[Saved data entries]
______________________________

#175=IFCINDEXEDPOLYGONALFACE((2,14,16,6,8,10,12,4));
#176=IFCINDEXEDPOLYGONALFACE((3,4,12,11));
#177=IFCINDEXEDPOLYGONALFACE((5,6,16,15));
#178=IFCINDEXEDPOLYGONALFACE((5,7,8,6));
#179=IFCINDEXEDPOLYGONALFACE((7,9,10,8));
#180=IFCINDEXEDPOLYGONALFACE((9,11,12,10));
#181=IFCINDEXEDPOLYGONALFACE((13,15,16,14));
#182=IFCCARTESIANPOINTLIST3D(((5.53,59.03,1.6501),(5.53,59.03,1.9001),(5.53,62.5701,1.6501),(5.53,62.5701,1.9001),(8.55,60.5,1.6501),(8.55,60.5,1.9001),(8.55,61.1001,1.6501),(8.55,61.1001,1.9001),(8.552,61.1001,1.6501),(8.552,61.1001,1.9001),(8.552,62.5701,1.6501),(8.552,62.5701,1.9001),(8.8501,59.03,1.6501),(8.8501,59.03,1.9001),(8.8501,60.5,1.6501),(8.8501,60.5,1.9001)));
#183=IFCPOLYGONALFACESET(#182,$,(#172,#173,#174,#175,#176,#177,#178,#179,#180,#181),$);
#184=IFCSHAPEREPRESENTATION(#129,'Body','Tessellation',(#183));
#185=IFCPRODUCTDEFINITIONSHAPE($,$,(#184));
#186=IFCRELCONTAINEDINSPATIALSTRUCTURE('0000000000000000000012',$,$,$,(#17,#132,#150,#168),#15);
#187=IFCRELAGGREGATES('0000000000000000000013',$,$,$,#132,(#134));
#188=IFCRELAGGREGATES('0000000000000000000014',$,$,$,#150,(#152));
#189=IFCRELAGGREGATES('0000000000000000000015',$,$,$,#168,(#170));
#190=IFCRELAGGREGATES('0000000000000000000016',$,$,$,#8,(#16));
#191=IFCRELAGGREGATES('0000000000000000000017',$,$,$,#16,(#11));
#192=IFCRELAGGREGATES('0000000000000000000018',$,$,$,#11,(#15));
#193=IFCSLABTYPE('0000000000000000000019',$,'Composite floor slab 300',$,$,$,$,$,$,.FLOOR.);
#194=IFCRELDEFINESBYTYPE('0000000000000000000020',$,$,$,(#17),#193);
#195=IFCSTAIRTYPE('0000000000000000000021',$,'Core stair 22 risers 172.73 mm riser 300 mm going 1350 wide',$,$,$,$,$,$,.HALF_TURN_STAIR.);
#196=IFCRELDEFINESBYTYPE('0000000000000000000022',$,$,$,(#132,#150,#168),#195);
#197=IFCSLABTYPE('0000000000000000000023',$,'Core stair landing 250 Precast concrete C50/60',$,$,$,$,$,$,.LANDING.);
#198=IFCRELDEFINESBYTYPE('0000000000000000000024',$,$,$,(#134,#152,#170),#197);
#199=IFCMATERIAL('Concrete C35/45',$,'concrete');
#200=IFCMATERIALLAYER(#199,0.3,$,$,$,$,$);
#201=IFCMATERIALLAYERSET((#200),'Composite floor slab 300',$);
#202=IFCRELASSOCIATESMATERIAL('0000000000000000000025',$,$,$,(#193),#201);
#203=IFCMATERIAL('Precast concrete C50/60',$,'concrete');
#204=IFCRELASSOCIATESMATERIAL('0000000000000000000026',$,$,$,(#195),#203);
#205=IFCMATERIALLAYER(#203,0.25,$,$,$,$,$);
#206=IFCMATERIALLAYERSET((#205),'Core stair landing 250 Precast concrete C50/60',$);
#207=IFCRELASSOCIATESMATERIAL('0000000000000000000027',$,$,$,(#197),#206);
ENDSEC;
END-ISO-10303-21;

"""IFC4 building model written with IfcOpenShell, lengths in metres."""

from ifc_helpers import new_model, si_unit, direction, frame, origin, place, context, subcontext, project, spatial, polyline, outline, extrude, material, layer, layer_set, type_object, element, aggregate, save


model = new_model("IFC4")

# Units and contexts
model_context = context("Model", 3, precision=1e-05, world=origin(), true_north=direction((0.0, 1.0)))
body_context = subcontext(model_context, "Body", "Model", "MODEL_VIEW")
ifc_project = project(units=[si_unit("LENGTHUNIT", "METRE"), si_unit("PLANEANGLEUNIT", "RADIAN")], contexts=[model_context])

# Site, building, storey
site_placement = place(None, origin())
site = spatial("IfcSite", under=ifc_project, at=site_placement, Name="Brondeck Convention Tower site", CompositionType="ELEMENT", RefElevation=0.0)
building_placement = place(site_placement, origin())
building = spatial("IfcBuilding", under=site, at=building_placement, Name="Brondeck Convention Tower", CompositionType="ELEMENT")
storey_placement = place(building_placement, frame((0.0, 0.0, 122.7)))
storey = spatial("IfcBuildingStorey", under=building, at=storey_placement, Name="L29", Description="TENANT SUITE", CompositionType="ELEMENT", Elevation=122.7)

______________________________

▶ [WHAT YOU SHOULD DO]
Up to and including the line with "#181=IFCINDEXEDPOLYGONALFACE((13,15,16,14));", repeat the data exactly, starting from its first line; nothing else belongs in the response.

▶ [OUTPUT]
#175=IFCINDEXEDPOLYGONALFACE((2,14,16,6,8,10,12,4));
#176=IFCINDEXEDPOLYGONALFACE((3,4,12,11));
#177=IFCINDEXEDPOLYGONALFACE((5,6,16,15));
#178=IFCINDEXEDPOLYGONALFACE((5,7,8,6));
#179=IFCINDEXEDPOLYGONALFACE((7,9,10,8));
#180=IFCINDEXEDPOLYGONALFACE((9,11,12,10));
#181=IFCINDEXEDPOLYGONALFACE((13,15,16,14));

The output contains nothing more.